━━ Supplied information ━━

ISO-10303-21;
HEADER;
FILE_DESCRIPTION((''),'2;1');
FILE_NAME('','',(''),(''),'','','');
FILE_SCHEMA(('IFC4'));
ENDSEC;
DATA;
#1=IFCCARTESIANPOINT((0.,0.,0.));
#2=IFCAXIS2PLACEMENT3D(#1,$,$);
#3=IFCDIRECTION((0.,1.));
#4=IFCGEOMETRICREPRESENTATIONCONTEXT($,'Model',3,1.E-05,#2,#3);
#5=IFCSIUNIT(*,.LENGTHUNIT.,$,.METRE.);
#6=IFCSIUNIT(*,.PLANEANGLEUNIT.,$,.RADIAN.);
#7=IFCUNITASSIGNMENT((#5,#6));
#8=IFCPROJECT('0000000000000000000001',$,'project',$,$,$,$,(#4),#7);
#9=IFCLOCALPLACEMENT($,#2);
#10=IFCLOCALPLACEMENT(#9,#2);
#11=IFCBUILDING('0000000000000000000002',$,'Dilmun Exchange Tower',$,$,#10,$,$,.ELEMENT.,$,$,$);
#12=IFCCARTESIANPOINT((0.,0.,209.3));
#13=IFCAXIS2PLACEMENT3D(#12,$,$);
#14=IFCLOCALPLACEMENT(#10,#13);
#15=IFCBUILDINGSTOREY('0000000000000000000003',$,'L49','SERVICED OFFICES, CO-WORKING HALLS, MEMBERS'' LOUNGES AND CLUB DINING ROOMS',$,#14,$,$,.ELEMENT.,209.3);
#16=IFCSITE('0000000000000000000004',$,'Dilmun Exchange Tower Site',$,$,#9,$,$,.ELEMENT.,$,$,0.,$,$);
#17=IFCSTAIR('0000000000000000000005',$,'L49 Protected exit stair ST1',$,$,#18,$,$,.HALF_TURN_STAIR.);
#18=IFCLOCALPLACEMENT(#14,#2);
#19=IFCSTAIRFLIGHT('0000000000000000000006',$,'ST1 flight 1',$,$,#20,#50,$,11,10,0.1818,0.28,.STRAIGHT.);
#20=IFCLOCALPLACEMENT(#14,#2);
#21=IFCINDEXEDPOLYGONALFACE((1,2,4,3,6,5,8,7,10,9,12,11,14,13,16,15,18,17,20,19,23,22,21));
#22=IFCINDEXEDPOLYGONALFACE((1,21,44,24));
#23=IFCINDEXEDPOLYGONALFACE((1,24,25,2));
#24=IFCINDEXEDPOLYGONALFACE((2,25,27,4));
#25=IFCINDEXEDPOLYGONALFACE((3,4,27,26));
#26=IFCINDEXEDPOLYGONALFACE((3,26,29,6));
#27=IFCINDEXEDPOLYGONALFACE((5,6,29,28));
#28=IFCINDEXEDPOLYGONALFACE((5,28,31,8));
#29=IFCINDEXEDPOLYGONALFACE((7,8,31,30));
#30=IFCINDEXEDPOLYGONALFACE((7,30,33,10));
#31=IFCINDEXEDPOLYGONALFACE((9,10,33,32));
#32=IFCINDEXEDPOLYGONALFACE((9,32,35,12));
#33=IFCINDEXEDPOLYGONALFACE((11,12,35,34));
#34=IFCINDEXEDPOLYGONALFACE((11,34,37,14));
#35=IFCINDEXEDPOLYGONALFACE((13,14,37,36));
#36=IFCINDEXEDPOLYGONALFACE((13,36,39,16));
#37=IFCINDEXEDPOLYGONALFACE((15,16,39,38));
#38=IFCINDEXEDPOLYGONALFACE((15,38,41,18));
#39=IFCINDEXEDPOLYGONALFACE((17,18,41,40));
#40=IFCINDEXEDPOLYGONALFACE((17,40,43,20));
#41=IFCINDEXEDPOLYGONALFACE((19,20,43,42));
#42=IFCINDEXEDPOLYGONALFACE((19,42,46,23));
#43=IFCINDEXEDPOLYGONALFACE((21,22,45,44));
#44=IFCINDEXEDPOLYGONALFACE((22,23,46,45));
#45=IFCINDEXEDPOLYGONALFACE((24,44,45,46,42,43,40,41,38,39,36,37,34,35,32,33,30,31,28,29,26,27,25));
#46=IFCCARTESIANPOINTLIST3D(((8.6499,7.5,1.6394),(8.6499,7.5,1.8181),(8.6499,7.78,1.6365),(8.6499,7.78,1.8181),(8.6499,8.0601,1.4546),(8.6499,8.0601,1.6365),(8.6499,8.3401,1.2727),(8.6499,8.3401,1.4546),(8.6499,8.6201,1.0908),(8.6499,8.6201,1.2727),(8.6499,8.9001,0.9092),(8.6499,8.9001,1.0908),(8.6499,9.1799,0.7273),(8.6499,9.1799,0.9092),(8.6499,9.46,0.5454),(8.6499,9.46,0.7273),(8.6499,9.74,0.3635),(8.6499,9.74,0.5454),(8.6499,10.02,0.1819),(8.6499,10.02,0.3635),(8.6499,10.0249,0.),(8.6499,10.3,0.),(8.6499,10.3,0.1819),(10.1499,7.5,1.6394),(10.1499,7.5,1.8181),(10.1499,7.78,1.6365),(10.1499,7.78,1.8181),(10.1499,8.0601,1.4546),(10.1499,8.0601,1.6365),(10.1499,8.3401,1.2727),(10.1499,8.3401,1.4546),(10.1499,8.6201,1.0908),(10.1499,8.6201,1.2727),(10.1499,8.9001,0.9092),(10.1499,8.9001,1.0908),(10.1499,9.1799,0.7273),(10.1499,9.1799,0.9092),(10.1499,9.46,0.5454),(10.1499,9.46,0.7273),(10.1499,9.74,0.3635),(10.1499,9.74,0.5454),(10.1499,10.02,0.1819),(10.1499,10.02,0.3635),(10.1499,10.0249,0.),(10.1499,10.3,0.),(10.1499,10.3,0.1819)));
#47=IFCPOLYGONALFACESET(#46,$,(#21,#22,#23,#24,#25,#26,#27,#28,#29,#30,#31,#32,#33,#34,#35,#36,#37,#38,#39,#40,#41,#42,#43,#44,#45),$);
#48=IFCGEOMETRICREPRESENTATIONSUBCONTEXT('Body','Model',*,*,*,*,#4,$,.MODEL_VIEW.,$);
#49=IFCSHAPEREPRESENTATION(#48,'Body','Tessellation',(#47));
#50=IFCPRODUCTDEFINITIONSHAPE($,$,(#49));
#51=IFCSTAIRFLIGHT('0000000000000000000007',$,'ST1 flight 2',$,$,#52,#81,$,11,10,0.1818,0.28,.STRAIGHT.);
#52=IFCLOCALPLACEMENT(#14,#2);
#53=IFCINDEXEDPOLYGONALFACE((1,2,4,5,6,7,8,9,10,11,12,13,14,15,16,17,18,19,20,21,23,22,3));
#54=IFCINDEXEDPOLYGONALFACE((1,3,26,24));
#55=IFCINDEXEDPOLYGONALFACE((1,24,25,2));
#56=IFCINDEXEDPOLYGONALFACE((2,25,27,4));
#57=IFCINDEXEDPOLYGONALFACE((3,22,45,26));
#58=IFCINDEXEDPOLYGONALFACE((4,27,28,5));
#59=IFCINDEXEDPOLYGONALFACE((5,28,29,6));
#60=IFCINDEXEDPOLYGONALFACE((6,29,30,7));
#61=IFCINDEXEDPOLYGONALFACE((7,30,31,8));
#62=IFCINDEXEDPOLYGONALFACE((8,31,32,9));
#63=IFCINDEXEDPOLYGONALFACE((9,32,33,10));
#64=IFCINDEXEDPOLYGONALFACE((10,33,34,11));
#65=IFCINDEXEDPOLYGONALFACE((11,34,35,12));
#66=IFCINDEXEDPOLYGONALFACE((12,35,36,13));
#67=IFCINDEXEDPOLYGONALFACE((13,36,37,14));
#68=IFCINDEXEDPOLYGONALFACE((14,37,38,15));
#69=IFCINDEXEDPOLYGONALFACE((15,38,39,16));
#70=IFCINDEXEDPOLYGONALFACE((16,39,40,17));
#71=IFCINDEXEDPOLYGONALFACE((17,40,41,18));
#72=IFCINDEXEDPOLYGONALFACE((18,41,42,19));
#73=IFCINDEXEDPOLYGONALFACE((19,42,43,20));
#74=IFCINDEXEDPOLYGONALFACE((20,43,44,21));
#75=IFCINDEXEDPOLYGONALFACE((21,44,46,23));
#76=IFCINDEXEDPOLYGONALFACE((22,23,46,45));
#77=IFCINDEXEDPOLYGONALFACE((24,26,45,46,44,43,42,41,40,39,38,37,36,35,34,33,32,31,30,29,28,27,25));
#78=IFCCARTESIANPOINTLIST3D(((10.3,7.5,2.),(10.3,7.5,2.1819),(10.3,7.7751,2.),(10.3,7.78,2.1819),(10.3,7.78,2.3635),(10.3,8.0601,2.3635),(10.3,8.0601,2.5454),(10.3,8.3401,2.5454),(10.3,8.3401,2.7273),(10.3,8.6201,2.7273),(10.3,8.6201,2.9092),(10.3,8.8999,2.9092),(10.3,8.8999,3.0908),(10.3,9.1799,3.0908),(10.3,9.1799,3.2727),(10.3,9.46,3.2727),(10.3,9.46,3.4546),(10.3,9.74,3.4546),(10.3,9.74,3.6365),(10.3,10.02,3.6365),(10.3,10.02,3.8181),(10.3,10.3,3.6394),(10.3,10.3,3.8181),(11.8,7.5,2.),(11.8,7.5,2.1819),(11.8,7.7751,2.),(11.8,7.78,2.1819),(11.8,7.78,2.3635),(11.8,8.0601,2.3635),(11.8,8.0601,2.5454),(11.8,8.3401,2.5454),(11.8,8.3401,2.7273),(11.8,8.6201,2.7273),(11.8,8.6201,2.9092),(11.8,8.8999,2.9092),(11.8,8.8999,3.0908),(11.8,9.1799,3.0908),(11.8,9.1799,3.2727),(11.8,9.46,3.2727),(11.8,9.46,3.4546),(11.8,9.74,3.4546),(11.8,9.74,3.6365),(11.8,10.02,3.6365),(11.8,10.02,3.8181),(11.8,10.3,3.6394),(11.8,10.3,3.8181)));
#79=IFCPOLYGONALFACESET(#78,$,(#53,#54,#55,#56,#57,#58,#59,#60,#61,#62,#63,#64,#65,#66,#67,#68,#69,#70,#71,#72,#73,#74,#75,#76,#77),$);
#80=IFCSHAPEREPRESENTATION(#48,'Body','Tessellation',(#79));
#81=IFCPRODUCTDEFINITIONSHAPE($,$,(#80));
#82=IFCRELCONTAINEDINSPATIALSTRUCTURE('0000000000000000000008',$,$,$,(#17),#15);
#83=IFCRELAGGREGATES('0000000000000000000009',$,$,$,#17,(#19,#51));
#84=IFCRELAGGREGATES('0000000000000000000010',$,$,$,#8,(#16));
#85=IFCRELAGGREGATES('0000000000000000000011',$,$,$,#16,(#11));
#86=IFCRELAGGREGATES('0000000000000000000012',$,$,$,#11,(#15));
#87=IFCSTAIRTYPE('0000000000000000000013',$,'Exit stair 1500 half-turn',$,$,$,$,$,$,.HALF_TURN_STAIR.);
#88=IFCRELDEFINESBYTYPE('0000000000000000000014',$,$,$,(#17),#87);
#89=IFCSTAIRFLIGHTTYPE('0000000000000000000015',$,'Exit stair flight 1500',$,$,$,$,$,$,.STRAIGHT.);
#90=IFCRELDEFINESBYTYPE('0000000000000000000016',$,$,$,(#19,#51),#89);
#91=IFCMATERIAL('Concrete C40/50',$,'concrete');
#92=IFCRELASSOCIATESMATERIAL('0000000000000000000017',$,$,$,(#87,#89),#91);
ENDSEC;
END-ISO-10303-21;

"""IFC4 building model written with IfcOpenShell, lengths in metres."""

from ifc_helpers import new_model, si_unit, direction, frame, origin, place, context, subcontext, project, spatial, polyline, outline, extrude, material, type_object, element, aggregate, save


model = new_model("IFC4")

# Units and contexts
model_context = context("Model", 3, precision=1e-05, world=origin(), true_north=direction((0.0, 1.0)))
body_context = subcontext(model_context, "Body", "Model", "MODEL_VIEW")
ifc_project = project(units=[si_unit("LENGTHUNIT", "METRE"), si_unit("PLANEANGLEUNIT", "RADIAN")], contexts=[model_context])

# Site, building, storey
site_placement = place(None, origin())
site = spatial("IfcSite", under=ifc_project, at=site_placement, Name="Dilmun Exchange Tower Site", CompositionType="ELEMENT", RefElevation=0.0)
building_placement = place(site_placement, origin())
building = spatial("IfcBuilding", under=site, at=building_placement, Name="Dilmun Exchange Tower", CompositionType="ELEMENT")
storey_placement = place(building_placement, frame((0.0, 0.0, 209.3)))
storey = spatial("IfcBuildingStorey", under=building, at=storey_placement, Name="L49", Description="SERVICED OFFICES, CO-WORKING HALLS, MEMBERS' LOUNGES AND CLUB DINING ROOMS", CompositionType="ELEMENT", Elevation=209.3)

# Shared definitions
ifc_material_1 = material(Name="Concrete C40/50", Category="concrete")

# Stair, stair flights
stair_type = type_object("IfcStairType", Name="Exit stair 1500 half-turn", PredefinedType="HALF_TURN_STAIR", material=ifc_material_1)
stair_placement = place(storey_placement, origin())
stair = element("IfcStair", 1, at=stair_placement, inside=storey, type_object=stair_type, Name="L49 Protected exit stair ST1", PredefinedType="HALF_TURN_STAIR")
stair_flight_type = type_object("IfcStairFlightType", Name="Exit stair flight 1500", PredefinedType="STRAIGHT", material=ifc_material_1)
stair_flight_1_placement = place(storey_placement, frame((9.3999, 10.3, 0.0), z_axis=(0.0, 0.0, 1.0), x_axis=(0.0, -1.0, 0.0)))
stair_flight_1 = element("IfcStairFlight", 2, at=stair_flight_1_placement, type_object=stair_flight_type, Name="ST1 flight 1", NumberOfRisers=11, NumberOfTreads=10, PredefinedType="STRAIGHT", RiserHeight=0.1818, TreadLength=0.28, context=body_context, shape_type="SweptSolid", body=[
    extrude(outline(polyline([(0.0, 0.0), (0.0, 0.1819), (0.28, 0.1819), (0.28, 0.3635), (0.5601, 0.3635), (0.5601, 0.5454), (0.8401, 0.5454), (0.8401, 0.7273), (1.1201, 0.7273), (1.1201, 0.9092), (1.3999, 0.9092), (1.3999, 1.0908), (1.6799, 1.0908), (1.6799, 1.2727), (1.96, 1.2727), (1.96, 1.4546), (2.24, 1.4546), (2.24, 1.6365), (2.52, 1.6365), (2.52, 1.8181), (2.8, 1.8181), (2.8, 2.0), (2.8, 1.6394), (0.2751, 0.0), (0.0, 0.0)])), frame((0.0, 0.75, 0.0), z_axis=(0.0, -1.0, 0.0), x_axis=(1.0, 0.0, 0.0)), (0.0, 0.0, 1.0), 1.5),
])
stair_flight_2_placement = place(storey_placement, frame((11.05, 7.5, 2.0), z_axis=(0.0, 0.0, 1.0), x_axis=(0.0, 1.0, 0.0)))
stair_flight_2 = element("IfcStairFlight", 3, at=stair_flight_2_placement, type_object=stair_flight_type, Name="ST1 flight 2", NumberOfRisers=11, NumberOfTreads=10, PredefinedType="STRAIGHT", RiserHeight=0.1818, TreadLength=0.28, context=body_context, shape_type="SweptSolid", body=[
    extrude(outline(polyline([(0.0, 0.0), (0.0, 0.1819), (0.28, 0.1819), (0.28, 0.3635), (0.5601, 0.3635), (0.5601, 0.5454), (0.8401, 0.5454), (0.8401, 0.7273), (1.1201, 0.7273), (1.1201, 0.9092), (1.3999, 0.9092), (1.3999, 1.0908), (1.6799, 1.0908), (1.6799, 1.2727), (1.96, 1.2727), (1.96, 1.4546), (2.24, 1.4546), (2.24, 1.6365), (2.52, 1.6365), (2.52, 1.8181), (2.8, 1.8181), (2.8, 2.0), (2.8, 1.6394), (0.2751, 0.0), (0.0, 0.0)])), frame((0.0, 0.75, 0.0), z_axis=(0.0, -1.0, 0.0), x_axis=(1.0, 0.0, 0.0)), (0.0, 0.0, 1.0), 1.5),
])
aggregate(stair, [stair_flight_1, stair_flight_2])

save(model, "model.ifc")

━━━

Retype, exactly and in full, the listing from its first line to the one holding "#20=IFCLOCALPLACEMENT(#14,#2);", both included.

ISO-10303-21;
HEADER;
FILE_DESCRIPTION((''),'2;1');
FILE_NAME('','',(''),(''),'','','');
FILE_SCHEMA(('IFC4'));
ENDSEC;
DATA;
#1=IFCCARTESIANPOINT((0.,0.,0.));
#2=IFCAXIS2PLACEMENT3D(#1,$,$);
#3=IFCDIRECTION((0.,1.));
#4=IFCGEOMETRICREPRESENTATIONCONTEXT($,'Model',3,1.E-05,#2,#3);
#5=IFCSIUNIT(*,.LENGTHUNIT.,$,.METRE.);
#6=IFCSIUNIT(*,.PLANEANGLEUNIT.,$,.RADIAN.);
#7=IFCUNITASSIGNMENT((#5,#6));
#8=IFCPROJECT('0000000000000000000001',$,'project',$,$,$,$,(#4),#7);
#9=IFCLOCALPLACEMENT($,#2);
#10=IFCLOCALPLACEMENT(#9,#2);
#11=IFCBUILDING('0000000000000000000002',$,'Dilmun Exchange Tower',$,$,#10,$,$,.ELEMENT.,$,$,$);
#12=IFCCARTESIANPOINT((0.,0.,209.3));
#13=IFCAXIS2PLACEMENT3D(#12,$,$);
#14=IFCLOCALPLACEMENT(#10,#13);
#15=IFCBUILDINGSTOREY('0000000000000000000003',$,'L49','SERVICED OFFICES, CO-WORKING HALLS, MEMBERS'' LOUNGES AND CLUB DINING ROOMS',$,#14,$,$,.ELEMENT.,209.3);
#16=IFCSITE('0000000000000000000004',$,'Dilmun Exchange Tower Site',$,$,#9,$,$,.ELEMENT.,$,$,0.,$,$);
#17=IFCSTAIR('0000000000000000000005',$,'L49 Protected exit stair ST1',$,$,#18,$,$,.HALF_TURN_STAIR.);
#18=IFCLOCALPLACEMENT(#14,#2);
#19=IFCSTAIRFLIGHT('0000000000000000000006',$,'ST1 flight 1',$,$,#20,#50,$,11,10,0.1818,0.28,.STRAIGHT.);
#20=IFCLOCALPLACEMENT(#14,#2);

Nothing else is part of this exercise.